• THE PROBLEM
Could you reproduce every entry that follows, exactly as shown?

[Stored dataset items]
____________
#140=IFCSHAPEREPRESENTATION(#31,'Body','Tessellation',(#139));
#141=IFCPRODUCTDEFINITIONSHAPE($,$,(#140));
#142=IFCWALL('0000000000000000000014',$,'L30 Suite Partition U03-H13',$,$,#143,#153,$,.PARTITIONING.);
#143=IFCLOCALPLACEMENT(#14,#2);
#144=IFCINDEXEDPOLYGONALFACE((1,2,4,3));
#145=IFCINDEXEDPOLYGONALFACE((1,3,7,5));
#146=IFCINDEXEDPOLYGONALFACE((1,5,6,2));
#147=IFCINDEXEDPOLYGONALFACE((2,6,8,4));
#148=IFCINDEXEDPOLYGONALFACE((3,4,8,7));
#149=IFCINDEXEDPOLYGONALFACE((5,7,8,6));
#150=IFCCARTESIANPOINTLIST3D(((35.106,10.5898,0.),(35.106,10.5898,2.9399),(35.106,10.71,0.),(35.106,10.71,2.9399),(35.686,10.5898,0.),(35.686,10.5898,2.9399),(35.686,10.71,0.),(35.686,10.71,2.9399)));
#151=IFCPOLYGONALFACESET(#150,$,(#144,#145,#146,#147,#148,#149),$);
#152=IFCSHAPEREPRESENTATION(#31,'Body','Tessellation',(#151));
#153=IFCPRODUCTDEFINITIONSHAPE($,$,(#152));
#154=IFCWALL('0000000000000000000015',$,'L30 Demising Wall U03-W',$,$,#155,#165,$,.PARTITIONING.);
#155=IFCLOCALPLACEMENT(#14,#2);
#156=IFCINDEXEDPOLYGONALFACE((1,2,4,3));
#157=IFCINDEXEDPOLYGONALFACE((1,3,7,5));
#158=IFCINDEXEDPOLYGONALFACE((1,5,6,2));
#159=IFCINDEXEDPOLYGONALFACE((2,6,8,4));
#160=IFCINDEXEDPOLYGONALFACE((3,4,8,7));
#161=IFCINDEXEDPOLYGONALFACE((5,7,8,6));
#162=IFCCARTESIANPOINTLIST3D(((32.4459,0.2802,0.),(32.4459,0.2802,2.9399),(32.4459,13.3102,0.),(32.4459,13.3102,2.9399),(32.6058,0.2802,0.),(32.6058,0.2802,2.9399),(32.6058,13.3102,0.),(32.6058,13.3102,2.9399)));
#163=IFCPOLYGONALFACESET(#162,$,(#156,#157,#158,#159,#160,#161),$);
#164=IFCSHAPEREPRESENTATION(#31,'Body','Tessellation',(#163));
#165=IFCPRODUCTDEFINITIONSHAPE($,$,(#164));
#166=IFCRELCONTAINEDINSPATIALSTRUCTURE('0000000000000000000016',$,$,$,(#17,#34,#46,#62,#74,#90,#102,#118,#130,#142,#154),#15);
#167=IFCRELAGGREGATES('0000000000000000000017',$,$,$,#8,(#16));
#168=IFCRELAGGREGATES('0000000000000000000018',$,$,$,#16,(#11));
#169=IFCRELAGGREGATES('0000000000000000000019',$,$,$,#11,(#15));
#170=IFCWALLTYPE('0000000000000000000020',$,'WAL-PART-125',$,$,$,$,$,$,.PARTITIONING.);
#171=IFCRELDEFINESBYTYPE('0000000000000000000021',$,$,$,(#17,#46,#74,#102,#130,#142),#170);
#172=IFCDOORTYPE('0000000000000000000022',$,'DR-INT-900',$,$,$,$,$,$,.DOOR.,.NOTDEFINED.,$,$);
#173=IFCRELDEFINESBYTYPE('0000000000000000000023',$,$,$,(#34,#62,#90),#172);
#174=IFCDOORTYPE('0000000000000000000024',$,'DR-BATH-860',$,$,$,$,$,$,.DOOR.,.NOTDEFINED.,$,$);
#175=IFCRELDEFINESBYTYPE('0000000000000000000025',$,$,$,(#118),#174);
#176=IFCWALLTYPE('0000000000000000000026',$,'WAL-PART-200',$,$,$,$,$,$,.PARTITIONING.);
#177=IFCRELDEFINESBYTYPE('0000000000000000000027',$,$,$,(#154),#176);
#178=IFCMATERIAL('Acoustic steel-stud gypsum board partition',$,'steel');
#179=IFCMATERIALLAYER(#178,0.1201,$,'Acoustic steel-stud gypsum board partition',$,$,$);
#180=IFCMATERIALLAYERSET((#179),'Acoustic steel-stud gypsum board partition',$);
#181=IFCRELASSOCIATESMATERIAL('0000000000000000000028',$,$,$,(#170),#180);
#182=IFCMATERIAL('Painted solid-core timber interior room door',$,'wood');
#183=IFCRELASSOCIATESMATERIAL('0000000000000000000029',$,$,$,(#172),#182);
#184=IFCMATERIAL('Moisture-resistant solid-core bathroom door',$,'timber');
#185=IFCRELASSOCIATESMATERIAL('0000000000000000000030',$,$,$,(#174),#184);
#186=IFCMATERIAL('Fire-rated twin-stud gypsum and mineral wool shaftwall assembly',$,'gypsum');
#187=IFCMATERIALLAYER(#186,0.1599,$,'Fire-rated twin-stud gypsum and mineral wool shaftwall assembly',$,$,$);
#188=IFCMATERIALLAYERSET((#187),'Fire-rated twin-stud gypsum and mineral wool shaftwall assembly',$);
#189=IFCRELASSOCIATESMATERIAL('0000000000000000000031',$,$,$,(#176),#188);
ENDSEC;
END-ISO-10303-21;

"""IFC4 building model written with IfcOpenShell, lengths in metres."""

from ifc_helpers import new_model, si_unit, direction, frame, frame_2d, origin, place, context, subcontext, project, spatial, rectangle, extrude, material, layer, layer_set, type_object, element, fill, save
____________
• RESPONSE
#140=IFCSHAPEREPRESENTATION(#31,'Body','Tessellation',(#139));
#141=IFCPRODUCTDEFINITIONSHAPE($,$,(#140));
#142=IFCWALL('0000000000000000000014',$,'L30 Suite Partition U03-H13',$,$,#143,#153,$,.PARTITIONING.);
#143=IFCLOCALPLACEMENT(#14,#2);
#144=IFCINDEXEDPOLYGONALFACE((1,2,4,3));
#145=IFCINDEXEDPOLYGONALFACE((1,3,7,5));
#146=IFCINDEXEDPOLYGONALFACE((1,5,6,2));
#147=IFCINDEXEDPOLYGONALFACE((2,6,8,4));
#148=IFCINDEXEDPOLYGONALFACE((3,4,8,7));
#149=IFCINDEXEDPOLYGONALFACE((5,7,8,6));
#150=IFCCARTESIANPOINTLIST3D(((35.106,10.5898,0.),(35.106,10.5898,2.9399),(35.106,10.71,0.),(35.106,10.71,2.9399),(35.686,10.5898,0.),(35.686,10.5898,2.9399),(35.686,10.71,0.),(35.686,10.71,2.9399)));
#151=IFCPOLYGONALFACESET(#150,$,(#144,#145,#146,#147,#148,#149),$);
#152=IFCSHAPEREPRESENTATION(#31,'Body','Tessellation',(#151));
#153=IFCPRODUCTDEFINITIONSHAPE($,$,(#152));
#154=IFCWALL('0000000000000000000015',$,'L30 Demising Wall U03-W',$,$,#155,#165,$,.PARTITIONING.);
#155=IFCLOCALPLACEMENT(#14,#2);
#156=IFCINDEXEDPOLYGONALFACE((1,2,4,3));
#157=IFCINDEXEDPOLYGONALFACE((1,3,7,5));
#158=IFCINDEXEDPOLYGONALFACE((1,5,6,2));
#159=IFCINDEXEDPOLYGONALFACE((2,6,8,4));
#160=IFCINDEXEDPOLYGONALFACE((3,4,8,7));
#161=IFCINDEXEDPOLYGONALFACE((5,7,8,6));
#162=IFCCARTESIANPOINTLIST3D(((32.4459,0.2802,0.),(32.4459,0.2802,2.9399),(32.4459,13.3102,0.),(32.4459,13.3102,2.9399),(32.6058,0.2802,0.),(32.6058,0.2802,2.9399),(32.6058,13.3102,0.),(32.6058,13.3102,2.9399)));
#163=IFCPOLYGONALFACESET(#162,$,(#156,#157,#158,#159,#160,#161),$);
#164=IFCSHAPEREPRESENTATION(#31,'Body','Tessellation',(#163));
#165=IFCPRODUCTDEFINITIONSHAPE($,$,(#164));
#166=IFCRELCONTAINEDINSPATIALSTRUCTURE('0000000000000000000016',$,$,$,(#17,#34,#46,#62,#74,#90,#102,#118,#130,#142,#154),#15);
#167=IFCRELAGGREGATES('0000000000000000000017',$,$,$,#8,(#16));
#168=IFCRELAGGREGATES('0000000000000000000018',$,$,$,#16,(#11));
#169=IFCRELAGGREGATES('0000000000000000000019',$,$,$,#11,(#15));
#170=IFCWALLTYPE('0000000000000000000020',$,'WAL-PART-125',$,$,$,$,$,$,.PARTITIONING.);
#171=IFCRELDEFINESBYTYPE('0000000000000000000021',$,$,$,(#17,#46,#74,#102,#130,#142),#170);
#172=IFCDOORTYPE('0000000000000000000022',$,'DR-INT-900',$,$,$,$,$,$,.DOOR.,.NOTDEFINED.,$,$);
#173=IFCRELDEFINESBYTYPE('0000000000000000000023',$,$,$,(#34,#62,#90),#172);
#174=IFCDOORTYPE('0000000000000000000024',$,'DR-BATH-860',$,$,$,$,$,$,.DOOR.,.NOTDEFINED.,$,$);
#175=IFCRELDEFINESBYTYPE('0000000000000000000025',$,$,$,(#118),#174);
#176=IFCWALLTYPE('0000000000000000000026',$,'WAL-PART-200',$,$,$,$,$,$,.PARTITIONING.);
#177=IFCRELDEFINESBYTYPE('0000000000000000000027',$,$,$,(#154),#176);
#178=IFCMATERIAL('Acoustic steel-stud gypsum board partition',$,'steel');
#179=IFCMATERIALLAYER(#178,0.1201,$,'Acoustic steel-stud gypsum board partition',$,$,$);
#180=IFCMATERIALLAYERSET((#179),'Acoustic steel-stud gypsum board partition',$);
#181=IFCRELASSOCIATESMATERIAL('0000000000000000000028',$,$,$,(#170),#180);
#182=IFCMATERIAL('Painted solid-core timber interior room door',$,'wood');
#183=IFCRELASSOCIATESMATERIAL('0000000000000000000029',$,$,$,(#172),#182);
#184=IFCMATERIAL('Moisture-resistant solid-core bathroom door',$,'timber');
#185=IFCRELASSOCIATESMATERIAL('0000000000000000000030',$,$,$,(#174),#184);
#186=IFCMATERIAL('Fire-rated twin-stud gypsum and mineral wool shaftwall assembly',$,'gypsum');
#187=IFCMATERIALLAYER(#186,0.1599,$,'Fire-rated twin-stud gypsum and mineral wool shaftwall assembly',$,$,$);
#188=IFCMATERIALLAYERSET((#187),'Fire-rated twin-stud gypsum and mineral wool shaftwall assembly',$);
#189=IFCRELASSOCIATESMATERIAL('0000000000000000000031',$,$,$,(#176),#188);
ENDSEC;
END-ISO-10303-21;

"""IFC4 building model written with IfcOpenShell, lengths in metres."""

from ifc_helpers import new_model, si_unit, direction, frame, frame_2d, origin, place, context, subcontext, project, spatial, rectangle, extrude, material, layer, layer_set, type_object, element, fill, save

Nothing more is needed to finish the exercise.